• TASK OBJECTIVE: Please write out exactly the lines of the data below from the line holding "#92=IFCINDEXEDPOLYGONALFACE((2,4,8,6));" through the line holding "#120=IFCINDEXEDPOLYGONALFACE((5,7,8,6));", and leave out the rest.

== SUPPLIED DATA ==

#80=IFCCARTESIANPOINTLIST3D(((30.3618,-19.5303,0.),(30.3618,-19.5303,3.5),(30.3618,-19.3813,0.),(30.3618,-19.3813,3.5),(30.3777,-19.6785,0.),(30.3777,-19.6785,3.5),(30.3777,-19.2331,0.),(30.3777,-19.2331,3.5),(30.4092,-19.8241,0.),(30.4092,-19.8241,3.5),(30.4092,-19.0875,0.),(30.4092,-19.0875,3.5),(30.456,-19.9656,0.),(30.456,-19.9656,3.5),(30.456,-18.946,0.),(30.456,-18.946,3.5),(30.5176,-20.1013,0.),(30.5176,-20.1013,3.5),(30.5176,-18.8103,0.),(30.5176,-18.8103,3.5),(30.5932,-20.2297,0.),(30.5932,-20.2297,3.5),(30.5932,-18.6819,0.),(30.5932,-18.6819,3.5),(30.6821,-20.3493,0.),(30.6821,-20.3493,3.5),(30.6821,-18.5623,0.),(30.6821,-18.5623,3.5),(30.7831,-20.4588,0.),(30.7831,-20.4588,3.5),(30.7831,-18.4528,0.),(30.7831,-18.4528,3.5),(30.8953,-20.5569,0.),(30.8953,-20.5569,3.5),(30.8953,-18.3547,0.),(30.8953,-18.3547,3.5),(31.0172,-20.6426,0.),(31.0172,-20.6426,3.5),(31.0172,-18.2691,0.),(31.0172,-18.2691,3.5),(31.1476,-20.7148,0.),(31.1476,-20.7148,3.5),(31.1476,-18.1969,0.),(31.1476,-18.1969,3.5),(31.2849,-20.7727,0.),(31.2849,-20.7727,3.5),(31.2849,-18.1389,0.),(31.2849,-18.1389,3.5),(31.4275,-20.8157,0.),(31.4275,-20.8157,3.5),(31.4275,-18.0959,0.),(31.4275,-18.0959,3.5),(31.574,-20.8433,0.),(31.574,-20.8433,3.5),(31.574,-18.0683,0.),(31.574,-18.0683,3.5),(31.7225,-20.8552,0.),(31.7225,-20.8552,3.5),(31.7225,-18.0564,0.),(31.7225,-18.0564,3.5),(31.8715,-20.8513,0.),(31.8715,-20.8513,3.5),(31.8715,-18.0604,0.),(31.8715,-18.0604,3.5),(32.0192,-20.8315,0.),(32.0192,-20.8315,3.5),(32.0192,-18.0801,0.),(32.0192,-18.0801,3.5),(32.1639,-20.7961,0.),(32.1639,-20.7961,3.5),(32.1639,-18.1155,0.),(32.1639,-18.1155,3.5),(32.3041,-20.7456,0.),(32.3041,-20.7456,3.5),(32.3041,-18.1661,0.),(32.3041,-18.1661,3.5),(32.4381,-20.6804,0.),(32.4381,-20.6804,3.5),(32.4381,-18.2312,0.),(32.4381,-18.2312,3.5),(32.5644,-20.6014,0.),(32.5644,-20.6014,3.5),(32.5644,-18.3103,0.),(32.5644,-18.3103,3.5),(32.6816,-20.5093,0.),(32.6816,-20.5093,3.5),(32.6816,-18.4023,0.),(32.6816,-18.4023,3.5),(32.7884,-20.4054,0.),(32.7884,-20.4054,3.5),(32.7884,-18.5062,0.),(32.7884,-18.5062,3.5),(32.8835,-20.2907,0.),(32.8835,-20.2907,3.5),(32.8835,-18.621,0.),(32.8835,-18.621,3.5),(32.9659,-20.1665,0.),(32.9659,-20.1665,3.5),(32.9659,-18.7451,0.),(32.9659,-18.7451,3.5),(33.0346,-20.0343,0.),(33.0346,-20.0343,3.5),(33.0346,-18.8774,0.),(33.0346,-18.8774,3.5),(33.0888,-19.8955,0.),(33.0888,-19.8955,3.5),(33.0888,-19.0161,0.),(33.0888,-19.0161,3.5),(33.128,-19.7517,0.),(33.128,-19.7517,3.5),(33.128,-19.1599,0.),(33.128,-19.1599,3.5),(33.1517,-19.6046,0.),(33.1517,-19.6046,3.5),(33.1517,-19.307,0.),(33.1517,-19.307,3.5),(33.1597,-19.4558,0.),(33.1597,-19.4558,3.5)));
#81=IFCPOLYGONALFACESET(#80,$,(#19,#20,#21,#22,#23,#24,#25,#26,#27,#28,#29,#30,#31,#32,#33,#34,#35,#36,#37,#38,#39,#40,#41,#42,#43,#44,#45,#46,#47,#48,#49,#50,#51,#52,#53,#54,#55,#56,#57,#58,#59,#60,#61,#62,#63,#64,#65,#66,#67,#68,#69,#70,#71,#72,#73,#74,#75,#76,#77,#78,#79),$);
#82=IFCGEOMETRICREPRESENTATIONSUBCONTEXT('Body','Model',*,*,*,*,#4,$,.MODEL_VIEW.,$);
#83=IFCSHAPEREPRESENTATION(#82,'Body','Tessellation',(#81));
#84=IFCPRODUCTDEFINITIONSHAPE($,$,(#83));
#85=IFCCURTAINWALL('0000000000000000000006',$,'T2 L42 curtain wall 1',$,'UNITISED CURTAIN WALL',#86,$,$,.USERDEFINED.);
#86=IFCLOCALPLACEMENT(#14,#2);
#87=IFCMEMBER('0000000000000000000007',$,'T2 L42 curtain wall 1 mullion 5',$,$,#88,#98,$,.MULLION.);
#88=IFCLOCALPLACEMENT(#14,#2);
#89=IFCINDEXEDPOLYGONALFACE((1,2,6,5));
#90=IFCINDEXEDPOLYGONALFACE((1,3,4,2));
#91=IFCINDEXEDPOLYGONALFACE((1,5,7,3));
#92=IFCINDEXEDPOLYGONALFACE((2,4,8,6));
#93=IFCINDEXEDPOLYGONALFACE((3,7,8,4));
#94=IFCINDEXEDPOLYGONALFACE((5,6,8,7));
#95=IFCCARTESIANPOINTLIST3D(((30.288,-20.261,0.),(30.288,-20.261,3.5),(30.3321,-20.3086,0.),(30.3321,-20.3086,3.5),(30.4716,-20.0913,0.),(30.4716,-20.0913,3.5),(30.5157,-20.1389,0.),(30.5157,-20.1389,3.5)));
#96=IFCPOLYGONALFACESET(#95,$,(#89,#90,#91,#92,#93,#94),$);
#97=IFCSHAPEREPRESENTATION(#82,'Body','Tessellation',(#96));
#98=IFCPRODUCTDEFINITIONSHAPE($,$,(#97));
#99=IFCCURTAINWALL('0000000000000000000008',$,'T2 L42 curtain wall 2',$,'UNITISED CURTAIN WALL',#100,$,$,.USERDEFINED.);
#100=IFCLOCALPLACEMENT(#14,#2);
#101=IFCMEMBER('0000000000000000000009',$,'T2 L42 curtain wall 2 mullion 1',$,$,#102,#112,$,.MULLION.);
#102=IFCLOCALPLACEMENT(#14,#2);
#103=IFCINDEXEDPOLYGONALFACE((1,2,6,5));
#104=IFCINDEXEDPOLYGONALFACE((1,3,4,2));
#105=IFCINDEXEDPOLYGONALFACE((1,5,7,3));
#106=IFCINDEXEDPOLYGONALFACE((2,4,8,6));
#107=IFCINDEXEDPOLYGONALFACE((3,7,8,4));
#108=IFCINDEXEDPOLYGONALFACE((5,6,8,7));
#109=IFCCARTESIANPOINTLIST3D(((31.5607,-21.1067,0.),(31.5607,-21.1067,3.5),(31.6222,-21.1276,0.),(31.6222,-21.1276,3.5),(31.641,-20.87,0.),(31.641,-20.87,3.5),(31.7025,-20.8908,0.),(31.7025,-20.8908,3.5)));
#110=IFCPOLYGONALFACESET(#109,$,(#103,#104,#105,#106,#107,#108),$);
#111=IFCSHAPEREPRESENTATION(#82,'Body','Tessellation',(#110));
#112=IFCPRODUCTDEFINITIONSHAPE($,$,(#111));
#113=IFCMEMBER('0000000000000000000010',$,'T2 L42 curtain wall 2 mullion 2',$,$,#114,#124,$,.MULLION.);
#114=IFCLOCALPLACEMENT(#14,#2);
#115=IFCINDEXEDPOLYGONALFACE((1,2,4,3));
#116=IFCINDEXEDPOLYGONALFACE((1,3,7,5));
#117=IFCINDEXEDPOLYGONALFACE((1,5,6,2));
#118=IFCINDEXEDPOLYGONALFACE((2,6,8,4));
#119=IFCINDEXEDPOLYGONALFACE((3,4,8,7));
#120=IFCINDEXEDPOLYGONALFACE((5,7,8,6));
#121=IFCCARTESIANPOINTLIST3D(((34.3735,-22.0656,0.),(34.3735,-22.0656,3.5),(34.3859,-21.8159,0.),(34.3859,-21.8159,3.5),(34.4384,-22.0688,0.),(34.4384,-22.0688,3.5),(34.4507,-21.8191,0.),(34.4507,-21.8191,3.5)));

===
== SUPPLIED DATA ==

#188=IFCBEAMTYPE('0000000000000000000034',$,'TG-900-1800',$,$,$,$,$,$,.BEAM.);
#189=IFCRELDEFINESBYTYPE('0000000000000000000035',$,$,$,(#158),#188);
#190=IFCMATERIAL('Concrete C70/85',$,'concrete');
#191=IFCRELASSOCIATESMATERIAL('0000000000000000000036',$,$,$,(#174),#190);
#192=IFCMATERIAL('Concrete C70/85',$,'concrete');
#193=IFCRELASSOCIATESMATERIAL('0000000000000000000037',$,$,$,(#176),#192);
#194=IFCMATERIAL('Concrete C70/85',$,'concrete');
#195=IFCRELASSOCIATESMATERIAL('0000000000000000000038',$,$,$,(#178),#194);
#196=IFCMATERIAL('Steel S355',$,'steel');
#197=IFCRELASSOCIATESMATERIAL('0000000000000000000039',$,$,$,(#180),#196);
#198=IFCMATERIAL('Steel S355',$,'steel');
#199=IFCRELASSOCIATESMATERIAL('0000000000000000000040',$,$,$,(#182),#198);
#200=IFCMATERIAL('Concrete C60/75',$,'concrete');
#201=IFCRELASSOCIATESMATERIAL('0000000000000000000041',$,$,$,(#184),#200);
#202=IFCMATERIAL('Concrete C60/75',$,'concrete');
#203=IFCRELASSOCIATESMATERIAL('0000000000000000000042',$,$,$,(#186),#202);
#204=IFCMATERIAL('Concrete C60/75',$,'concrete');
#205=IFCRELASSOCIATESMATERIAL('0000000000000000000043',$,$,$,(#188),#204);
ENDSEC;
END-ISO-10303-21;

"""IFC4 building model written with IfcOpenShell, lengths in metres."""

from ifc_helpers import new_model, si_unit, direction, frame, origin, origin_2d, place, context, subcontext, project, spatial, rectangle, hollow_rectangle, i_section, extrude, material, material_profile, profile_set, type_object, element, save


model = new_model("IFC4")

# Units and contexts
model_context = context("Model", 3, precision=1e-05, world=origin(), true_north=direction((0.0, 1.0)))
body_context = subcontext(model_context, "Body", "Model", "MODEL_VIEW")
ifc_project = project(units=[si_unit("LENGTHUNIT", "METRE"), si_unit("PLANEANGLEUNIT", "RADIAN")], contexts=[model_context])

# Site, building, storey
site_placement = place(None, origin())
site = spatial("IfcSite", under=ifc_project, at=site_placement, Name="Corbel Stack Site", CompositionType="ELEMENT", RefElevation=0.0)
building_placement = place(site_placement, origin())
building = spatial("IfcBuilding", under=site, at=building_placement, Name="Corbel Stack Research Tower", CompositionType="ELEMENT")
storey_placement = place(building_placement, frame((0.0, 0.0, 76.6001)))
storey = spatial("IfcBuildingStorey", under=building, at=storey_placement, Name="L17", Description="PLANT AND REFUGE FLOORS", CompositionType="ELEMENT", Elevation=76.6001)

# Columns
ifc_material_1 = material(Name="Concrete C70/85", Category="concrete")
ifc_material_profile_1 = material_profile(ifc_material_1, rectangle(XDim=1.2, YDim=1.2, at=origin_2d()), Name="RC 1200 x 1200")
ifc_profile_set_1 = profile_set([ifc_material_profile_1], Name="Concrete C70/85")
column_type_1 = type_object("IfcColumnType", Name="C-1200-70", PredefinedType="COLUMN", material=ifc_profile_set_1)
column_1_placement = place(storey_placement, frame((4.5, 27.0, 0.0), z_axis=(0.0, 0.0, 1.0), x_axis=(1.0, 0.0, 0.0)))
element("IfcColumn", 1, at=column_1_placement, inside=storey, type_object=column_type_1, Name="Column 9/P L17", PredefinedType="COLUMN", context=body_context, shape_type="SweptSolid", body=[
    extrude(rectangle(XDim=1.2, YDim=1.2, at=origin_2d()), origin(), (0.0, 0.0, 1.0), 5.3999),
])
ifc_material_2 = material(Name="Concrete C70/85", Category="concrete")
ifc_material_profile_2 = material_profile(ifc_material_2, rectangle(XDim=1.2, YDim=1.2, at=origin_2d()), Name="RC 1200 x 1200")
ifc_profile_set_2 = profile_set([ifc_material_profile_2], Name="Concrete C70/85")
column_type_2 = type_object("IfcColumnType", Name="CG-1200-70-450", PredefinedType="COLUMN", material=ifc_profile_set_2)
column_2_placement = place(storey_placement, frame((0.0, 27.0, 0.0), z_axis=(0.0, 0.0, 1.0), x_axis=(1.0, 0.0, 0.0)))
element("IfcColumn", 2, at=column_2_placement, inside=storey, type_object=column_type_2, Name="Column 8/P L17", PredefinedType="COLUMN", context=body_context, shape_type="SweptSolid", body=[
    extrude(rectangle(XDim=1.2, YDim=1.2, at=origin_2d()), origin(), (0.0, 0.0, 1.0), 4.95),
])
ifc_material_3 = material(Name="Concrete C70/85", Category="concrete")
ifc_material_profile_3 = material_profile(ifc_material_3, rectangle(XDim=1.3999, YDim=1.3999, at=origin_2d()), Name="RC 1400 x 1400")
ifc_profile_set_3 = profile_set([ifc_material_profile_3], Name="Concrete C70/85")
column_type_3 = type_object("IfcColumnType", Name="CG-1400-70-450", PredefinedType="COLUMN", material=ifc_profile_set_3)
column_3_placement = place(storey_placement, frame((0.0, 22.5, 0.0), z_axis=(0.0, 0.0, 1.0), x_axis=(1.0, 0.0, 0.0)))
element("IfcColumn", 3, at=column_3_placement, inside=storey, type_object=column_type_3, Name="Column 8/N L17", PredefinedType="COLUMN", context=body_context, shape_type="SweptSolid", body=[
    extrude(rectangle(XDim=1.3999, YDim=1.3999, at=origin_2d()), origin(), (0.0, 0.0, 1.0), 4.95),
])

===
== SUPPLIED DATA ==

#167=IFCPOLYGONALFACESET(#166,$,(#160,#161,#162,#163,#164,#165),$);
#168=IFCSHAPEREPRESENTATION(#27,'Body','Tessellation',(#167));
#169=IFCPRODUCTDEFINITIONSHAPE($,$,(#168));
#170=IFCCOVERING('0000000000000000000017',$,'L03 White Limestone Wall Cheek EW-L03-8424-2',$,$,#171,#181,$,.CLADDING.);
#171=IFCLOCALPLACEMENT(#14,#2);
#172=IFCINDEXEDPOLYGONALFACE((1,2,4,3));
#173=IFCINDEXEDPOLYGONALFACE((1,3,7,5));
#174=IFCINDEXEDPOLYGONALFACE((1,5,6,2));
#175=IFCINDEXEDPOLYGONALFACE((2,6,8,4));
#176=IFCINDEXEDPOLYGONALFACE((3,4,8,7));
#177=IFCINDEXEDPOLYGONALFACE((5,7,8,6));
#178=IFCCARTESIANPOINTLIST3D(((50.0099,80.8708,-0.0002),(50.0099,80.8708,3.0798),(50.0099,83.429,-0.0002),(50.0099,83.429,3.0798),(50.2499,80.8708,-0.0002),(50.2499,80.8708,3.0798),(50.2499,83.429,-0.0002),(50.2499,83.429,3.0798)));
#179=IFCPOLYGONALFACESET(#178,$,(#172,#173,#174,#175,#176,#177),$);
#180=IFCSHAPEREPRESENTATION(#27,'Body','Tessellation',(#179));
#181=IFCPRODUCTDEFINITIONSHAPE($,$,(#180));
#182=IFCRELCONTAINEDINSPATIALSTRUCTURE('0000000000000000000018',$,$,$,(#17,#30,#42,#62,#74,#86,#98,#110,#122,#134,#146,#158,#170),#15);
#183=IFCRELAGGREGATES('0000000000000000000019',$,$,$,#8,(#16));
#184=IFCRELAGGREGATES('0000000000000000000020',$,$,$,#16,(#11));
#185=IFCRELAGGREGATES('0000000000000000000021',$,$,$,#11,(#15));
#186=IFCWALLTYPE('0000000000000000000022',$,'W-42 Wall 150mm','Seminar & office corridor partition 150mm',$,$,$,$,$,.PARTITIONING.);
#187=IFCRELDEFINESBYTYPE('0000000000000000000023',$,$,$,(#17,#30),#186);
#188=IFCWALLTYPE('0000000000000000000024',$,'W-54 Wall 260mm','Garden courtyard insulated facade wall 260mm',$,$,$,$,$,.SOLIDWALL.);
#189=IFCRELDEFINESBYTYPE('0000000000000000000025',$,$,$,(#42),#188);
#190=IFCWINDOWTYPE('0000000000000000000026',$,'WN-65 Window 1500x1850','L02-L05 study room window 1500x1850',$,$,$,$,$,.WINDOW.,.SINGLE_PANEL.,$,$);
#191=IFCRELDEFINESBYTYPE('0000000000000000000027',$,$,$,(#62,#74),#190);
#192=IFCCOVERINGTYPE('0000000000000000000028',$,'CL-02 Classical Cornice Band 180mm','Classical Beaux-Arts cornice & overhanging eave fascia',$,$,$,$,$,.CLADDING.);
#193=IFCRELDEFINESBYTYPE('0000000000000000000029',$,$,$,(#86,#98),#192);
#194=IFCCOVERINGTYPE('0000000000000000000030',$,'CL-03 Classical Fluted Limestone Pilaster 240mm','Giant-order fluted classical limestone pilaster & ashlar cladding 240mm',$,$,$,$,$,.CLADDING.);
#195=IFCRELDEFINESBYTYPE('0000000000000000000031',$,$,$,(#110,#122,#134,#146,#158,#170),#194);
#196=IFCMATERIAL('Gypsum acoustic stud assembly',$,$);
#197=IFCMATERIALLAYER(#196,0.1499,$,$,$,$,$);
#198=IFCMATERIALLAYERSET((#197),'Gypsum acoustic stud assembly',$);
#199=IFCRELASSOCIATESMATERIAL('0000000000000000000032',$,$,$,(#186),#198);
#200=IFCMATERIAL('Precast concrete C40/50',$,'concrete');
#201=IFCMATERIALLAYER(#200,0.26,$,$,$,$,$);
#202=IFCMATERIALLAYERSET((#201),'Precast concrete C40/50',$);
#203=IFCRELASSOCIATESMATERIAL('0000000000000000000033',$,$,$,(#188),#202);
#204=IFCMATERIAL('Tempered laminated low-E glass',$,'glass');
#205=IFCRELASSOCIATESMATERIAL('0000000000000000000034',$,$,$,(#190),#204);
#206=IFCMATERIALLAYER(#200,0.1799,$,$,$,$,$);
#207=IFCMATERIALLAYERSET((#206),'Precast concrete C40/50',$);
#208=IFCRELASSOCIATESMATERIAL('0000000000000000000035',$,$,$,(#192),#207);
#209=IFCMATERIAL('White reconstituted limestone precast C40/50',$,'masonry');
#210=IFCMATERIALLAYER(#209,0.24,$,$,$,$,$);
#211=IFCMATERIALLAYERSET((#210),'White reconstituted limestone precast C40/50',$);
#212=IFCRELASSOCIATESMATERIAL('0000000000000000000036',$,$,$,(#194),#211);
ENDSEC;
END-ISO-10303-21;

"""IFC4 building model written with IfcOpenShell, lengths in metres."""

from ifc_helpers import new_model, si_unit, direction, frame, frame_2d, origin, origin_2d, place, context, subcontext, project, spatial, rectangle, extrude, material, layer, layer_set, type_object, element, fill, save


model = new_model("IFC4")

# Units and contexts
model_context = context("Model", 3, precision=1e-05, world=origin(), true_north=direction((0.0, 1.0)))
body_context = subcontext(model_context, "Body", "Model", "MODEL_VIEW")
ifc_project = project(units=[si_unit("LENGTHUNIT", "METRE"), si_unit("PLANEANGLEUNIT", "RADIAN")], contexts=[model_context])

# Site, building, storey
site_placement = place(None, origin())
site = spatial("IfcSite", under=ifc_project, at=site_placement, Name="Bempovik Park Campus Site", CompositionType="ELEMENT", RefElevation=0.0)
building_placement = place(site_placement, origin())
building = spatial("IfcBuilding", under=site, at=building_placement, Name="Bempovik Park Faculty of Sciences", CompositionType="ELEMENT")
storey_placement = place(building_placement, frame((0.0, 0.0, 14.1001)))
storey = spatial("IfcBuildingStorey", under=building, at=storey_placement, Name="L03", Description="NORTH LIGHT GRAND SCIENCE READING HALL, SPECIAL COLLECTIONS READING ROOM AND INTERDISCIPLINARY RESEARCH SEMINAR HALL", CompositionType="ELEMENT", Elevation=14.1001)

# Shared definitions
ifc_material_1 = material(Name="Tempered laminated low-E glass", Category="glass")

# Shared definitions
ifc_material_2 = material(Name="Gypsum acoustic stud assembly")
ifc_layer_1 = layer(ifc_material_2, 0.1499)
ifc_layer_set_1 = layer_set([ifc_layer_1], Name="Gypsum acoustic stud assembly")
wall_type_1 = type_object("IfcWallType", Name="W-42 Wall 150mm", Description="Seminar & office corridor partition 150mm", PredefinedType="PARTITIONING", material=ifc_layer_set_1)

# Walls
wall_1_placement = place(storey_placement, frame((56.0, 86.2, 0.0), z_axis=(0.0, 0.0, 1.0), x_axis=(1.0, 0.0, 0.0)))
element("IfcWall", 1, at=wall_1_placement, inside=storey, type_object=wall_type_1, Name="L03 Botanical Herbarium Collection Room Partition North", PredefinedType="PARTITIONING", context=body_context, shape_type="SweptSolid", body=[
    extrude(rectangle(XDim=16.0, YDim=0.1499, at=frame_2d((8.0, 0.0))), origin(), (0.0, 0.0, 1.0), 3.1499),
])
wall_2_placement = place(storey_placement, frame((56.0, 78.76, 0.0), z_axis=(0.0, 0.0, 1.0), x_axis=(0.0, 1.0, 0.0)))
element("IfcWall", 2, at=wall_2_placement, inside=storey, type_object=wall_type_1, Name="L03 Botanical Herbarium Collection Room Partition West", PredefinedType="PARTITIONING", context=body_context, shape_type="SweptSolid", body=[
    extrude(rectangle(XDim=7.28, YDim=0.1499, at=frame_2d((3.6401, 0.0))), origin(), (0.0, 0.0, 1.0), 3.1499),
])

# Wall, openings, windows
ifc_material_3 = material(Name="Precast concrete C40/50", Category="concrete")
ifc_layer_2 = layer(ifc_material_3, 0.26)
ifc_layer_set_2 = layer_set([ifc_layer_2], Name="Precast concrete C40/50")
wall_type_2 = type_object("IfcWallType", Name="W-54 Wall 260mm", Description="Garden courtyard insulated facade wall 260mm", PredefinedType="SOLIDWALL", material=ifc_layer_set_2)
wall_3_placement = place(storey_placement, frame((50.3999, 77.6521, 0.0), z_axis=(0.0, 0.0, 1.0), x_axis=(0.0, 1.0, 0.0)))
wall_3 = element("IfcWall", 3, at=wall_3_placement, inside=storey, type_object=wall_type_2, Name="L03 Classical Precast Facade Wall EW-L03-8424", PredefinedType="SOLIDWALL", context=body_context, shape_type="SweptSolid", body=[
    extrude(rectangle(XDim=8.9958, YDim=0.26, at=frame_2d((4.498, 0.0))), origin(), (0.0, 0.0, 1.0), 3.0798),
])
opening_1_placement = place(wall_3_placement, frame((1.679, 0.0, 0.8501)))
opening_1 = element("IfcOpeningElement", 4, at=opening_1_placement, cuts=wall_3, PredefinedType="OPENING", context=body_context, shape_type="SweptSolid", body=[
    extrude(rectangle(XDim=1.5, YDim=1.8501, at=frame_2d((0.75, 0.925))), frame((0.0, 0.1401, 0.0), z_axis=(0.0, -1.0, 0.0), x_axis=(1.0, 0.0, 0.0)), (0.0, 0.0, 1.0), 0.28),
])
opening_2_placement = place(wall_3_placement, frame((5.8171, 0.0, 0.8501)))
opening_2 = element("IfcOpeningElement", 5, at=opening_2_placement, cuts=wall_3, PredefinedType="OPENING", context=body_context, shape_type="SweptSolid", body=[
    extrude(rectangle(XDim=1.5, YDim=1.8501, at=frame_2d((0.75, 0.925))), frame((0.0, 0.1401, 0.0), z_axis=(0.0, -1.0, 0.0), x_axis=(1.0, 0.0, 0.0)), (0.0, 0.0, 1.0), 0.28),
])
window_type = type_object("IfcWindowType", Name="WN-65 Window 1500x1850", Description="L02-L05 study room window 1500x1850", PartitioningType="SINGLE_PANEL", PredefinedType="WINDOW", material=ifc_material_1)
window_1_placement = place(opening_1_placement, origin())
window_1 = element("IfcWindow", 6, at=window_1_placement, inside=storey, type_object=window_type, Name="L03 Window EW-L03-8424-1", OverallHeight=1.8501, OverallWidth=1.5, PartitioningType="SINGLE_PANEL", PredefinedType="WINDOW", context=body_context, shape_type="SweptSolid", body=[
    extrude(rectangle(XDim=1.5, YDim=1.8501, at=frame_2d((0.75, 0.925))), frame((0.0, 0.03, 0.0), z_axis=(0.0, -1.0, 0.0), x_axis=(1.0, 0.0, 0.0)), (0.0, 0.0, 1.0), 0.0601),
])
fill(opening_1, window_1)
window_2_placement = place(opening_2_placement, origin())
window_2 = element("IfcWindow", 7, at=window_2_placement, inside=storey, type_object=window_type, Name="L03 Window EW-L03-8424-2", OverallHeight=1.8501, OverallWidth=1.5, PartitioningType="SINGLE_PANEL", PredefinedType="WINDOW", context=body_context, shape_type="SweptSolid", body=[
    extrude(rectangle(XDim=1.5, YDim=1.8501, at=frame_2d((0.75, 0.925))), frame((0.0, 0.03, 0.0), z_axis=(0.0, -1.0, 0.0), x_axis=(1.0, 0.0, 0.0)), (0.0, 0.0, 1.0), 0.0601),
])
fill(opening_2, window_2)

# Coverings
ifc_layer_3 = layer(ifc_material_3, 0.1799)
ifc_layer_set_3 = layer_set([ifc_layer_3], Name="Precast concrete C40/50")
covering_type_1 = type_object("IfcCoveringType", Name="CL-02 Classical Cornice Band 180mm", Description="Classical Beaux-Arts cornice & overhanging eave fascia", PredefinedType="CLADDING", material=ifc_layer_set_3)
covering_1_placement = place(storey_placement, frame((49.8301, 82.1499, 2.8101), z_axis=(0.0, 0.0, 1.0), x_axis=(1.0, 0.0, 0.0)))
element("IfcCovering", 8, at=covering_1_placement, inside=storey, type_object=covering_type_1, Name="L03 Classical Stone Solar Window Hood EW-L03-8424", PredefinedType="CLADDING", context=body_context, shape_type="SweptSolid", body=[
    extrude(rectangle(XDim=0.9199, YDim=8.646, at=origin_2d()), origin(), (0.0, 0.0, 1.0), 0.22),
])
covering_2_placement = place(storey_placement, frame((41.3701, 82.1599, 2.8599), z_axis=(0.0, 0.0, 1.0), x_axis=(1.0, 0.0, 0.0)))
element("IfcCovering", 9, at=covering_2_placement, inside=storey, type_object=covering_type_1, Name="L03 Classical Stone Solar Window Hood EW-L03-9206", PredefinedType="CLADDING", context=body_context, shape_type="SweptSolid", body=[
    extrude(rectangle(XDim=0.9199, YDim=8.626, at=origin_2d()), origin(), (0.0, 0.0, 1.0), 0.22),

===

• SOLVED PROBLEM:
#92=IFCINDEXEDPOLYGONALFACE((2,4,8,6));
#93=IFCINDEXEDPOLYGONALFACE((3,7,8,4));
#94=IFCINDEXEDPOLYGONALFACE((5,6,8,7));
#95=IFCCARTESIANPOINTLIST3D(((30.288,-20.261,0.),(30.288,-20.261,3.5),(30.3321,-20.3086,0.),(30.3321,-20.3086,3.5),(30.4716,-20.0913,0.),(30.4716,-20.0913,3.5),(30.5157,-20.1389,0.),(30.5157,-20.1389,3.5)));
#96=IFCPOLYGONALFACESET(#95,$,(#89,#90,#91,#92,#93,#94),$);
#97=IFCSHAPEREPRESENTATION(#82,'Body','Tessellation',(#96));
#98=IFCPRODUCTDEFINITIONSHAPE($,$,(#97));
#99=IFCCURTAINWALL('0000000000000000000008',$,'T2 L42 curtain wall 2',$,'UNITISED CURTAIN WALL',#100,$,$,.USERDEFINED.);
#100=IFCLOCALPLACEMENT(#14,#2);
#101=IFCMEMBER('0000000000000000000009',$,'T2 L42 curtain wall 2 mullion 1',$,$,#102,#112,$,.MULLION.);
#102=IFCLOCALPLACEMENT(#14,#2);
#103=IFCINDEXEDPOLYGONALFACE((1,2,6,5));
#104=IFCINDEXEDPOLYGONALFACE((1,3,4,2));
#105=IFCINDEXEDPOLYGONALFACE((1,5,7,3));
#106=IFCINDEXEDPOLYGONALFACE((2,4,8,6));
#107=IFCINDEXEDPOLYGONALFACE((3,7,8,4));
#108=IFCINDEXEDPOLYGONALFACE((5,6,8,7));
#109=IFCCARTESIANPOINTLIST3D(((31.5607,-21.1067,0.),(31.5607,-21.1067,3.5),(31.6222,-21.1276,0.),(31.6222,-21.1276,3.5),(31.641,-20.87,0.),(31.641,-20.87,3.5),(31.7025,-20.8908,0.),(31.7025,-20.8908,3.5)));
#110=IFCPOLYGONALFACESET(#109,$,(#103,#104,#105,#106,#107,#108),$);
#111=IFCSHAPEREPRESENTATION(#82,'Body','Tessellation',(#110));
#112=IFCPRODUCTDEFINITIONSHAPE($,$,(#111));
#113=IFCMEMBER('0000000000000000000010',$,'T2 L42 curtain wall 2 mullion 2',$,$,#114,#124,$,.MULLION.);
#114=IFCLOCALPLACEMENT(#14,#2);
#115=IFCINDEXEDPOLYGONALFACE((1,2,4,3));
#116=IFCINDEXEDPOLYGONALFACE((1,3,7,5));
#117=IFCINDEXEDPOLYGONALFACE((1,5,6,2));
#118=IFCINDEXEDPOLYGONALFACE((2,6,8,4));
#119=IFCINDEXEDPOLYGONALFACE((3,4,8,7));
#120=IFCINDEXEDPOLYGONALFACE((5,7,8,6));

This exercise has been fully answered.